Work request: Set down exactly, from the records below, the line with "#43=IFCPOLYGONALFACESET(#42,$,(#36,#37,#38,#39,#40,#41),$);" through the line with "#69=IFCINDEXEDPOLYGONALFACE((5,7,8,6));", and nothing else.

BEGIN Data extracts

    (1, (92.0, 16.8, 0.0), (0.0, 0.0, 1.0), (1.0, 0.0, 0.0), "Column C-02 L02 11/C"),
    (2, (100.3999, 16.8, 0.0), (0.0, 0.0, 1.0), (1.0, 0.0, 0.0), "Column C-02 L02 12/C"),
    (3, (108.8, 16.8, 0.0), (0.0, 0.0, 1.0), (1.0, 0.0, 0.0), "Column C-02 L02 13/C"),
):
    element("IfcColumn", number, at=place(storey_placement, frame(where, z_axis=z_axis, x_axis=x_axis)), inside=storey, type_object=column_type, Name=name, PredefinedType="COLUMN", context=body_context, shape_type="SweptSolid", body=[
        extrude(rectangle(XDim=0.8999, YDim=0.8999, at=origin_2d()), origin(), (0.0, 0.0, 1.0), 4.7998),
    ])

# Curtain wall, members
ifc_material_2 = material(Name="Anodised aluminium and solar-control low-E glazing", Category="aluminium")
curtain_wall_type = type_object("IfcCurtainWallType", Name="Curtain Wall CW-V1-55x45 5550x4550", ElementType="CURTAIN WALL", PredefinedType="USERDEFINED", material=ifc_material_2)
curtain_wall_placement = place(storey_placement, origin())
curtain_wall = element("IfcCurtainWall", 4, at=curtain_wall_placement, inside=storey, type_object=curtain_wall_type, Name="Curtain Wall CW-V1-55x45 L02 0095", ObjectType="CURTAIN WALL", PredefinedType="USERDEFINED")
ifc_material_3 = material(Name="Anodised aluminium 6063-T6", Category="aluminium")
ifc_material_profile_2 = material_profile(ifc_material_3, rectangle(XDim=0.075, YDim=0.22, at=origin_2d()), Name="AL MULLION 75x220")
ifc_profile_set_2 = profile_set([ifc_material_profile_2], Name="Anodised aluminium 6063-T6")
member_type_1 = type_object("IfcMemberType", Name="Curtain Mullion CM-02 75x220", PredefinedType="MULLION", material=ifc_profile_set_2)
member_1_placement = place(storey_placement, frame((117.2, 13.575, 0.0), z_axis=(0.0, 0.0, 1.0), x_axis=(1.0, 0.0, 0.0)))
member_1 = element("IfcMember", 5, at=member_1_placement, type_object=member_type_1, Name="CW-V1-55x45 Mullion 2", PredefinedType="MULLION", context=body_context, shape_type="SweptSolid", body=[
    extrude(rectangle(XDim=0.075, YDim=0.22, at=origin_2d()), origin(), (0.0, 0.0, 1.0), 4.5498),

END Data extracts
BEGIN Data extracts

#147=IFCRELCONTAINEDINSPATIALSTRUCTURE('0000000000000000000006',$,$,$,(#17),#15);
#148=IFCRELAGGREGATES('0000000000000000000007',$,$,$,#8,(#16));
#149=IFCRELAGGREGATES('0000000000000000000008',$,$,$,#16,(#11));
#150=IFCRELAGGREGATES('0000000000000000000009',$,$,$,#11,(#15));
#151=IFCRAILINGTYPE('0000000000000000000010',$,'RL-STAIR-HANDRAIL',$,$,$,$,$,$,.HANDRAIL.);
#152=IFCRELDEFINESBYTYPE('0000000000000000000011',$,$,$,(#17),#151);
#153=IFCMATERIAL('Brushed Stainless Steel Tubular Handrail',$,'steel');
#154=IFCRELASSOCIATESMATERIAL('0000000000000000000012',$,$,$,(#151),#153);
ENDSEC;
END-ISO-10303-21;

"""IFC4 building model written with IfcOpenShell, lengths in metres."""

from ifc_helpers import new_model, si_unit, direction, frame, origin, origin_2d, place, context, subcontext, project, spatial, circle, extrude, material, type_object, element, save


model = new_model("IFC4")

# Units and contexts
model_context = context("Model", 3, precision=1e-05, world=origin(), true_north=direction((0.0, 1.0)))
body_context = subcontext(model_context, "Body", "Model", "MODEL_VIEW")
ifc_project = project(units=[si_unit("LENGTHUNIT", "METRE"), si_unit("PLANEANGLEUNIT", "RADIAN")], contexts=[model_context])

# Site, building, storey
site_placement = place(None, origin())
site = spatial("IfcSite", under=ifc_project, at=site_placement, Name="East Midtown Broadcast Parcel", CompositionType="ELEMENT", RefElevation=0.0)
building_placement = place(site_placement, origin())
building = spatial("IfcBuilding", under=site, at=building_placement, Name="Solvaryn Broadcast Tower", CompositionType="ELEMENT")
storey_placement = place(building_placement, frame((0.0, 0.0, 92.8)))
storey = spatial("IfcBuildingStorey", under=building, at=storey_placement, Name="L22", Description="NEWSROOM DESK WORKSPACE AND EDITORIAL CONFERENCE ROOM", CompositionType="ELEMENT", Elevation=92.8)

END Data extracts
BEGIN Data extracts

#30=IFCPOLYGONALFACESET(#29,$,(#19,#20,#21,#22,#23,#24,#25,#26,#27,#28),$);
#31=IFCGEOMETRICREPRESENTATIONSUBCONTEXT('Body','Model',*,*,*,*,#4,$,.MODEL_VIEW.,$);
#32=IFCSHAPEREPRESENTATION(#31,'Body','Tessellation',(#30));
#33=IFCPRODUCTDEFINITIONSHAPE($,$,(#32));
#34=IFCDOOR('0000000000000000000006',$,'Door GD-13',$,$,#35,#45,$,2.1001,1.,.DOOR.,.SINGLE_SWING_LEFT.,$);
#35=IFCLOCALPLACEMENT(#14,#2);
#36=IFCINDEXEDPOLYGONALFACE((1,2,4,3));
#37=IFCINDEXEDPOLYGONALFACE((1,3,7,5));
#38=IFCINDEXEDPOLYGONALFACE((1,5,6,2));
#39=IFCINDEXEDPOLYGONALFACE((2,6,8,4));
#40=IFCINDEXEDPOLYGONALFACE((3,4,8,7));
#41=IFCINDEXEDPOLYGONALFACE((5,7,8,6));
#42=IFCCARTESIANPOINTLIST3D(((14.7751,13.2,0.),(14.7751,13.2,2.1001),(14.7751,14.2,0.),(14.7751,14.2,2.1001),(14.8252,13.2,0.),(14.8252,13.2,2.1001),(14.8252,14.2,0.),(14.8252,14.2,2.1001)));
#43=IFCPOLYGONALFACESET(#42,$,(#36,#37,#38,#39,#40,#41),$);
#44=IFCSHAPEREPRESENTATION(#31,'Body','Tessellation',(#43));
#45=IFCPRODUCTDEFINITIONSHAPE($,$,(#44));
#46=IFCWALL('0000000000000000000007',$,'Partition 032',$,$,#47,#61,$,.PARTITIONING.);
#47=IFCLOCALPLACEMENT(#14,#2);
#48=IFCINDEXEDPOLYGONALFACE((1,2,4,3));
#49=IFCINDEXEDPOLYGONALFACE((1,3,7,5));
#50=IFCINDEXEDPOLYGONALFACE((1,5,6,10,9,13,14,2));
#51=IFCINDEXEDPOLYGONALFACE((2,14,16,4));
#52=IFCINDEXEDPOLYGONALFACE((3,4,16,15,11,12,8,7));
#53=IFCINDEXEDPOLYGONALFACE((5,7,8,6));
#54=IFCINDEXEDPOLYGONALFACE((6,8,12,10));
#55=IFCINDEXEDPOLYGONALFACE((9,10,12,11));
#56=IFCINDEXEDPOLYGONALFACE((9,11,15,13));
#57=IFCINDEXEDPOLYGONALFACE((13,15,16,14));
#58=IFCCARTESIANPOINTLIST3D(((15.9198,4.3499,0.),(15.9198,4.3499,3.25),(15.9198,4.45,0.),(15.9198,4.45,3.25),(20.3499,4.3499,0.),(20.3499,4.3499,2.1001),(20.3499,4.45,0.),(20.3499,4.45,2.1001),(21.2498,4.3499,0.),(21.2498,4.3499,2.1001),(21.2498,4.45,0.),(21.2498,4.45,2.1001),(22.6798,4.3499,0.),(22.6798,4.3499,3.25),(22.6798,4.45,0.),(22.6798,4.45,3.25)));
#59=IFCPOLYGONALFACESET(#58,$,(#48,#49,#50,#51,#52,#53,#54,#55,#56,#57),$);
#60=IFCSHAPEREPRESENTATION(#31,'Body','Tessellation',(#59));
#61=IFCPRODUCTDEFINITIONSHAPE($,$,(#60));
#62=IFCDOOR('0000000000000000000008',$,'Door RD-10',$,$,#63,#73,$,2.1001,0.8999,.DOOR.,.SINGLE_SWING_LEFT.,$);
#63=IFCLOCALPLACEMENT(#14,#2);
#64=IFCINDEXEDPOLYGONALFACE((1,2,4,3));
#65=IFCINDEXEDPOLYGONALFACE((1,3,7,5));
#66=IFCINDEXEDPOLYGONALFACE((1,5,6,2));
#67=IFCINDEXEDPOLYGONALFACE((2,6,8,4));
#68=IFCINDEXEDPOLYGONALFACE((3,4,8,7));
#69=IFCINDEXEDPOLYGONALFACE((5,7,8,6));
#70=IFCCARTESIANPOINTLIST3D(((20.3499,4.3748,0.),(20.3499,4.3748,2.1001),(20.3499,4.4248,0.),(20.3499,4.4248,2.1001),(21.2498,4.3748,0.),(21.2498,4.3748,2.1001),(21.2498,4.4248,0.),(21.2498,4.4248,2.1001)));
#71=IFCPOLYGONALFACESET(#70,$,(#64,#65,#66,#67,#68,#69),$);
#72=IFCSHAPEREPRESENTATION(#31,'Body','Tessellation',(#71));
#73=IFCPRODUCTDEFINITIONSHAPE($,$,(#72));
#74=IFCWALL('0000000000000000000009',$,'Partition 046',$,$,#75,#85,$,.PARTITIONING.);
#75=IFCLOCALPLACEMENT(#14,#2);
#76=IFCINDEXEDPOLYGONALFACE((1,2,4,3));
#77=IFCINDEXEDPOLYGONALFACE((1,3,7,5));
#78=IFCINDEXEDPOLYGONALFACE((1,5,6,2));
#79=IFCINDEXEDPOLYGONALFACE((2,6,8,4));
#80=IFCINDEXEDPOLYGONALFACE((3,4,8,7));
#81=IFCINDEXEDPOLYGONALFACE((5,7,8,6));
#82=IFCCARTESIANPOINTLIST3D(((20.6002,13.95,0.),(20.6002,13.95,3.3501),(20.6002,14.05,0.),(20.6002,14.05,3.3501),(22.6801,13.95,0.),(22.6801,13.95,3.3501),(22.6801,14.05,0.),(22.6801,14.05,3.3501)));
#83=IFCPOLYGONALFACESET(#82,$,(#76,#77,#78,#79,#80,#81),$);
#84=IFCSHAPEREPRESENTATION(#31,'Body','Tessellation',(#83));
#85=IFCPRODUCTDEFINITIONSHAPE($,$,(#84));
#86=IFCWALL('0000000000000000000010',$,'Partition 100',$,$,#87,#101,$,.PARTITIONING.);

END Data extracts

Worked solution:
#43=IFCPOLYGONALFACESET(#42,$,(#36,#37,#38,#39,#40,#41),$);
#44=IFCSHAPEREPRESENTATION(#31,'Body','Tessellation',(#43));
#45=IFCPRODUCTDEFINITIONSHAPE($,$,(#44));
#46=IFCWALL('0000000000000000000007',$,'Partition 032',$,$,#47,#61,$,.PARTITIONING.);
#47=IFCLOCALPLACEMENT(#14,#2);
#48=IFCINDEXEDPOLYGONALFACE((1,2,4,3));
#49=IFCINDEXEDPOLYGONALFACE((1,3,7,5));
#50=IFCINDEXEDPOLYGONALFACE((1,5,6,10,9,13,14,2));
#51=IFCINDEXEDPOLYGONALFACE((2,14,16,4));
#52=IFCINDEXEDPOLYGONALFACE((3,4,16,15,11,12,8,7));
#53=IFCINDEXEDPOLYGONALFACE((5,7,8,6));
#54=IFCINDEXEDPOLYGONALFACE((6,8,12,10));
#55=IFCINDEXEDPOLYGONALFACE((9,10,12,11));
#56=IFCINDEXEDPOLYGONALFACE((9,11,15,13));
#57=IFCINDEXEDPOLYGONALFACE((13,15,16,14));
#58=IFCCARTESIANPOINTLIST3D(((15.9198,4.3499,0.),(15.9198,4.3499,3.25),(15.9198,4.45,0.),(15.9198,4.45,3.25),(20.3499,4.3499,0.),(20.3499,4.3499,2.1001),(20.3499,4.45,0.),(20.3499,4.45,2.1001),(21.2498,4.3499,0.),(21.2498,4.3499,2.1001),(21.2498,4.45,0.),(21.2498,4.45,2.1001),(22.6798,4.3499,0.),(22.6798,4.3499,3.25),(22.6798,4.45,0.),(22.6798,4.45,3.25)));
#59=IFCPOLYGONALFACESET(#58,$,(#48,#49,#50,#51,#52,#53,#54,#55,#56,#57),$);
#60=IFCSHAPEREPRESENTATION(#31,'Body','Tessellation',(#59));
#61=IFCPRODUCTDEFINITIONSHAPE($,$,(#60));
#62=IFCDOOR('0000000000000000000008',$,'Door RD-10',$,$,#63,#73,$,2.1001,0.8999,.DOOR.,.SINGLE_SWING_LEFT.,$);
#63=IFCLOCALPLACEMENT(#14,#2);
#64=IFCINDEXEDPOLYGONALFACE((1,2,4,3));
#65=IFCINDEXEDPOLYGONALFACE((1,3,7,5));
#66=IFCINDEXEDPOLYGONALFACE((1,5,6,2));
#67=IFCINDEXEDPOLYGONALFACE((2,6,8,4));
#68=IFCINDEXEDPOLYGONALFACE((3,4,8,7));
#69=IFCINDEXEDPOLYGONALFACE((5,7,8,6));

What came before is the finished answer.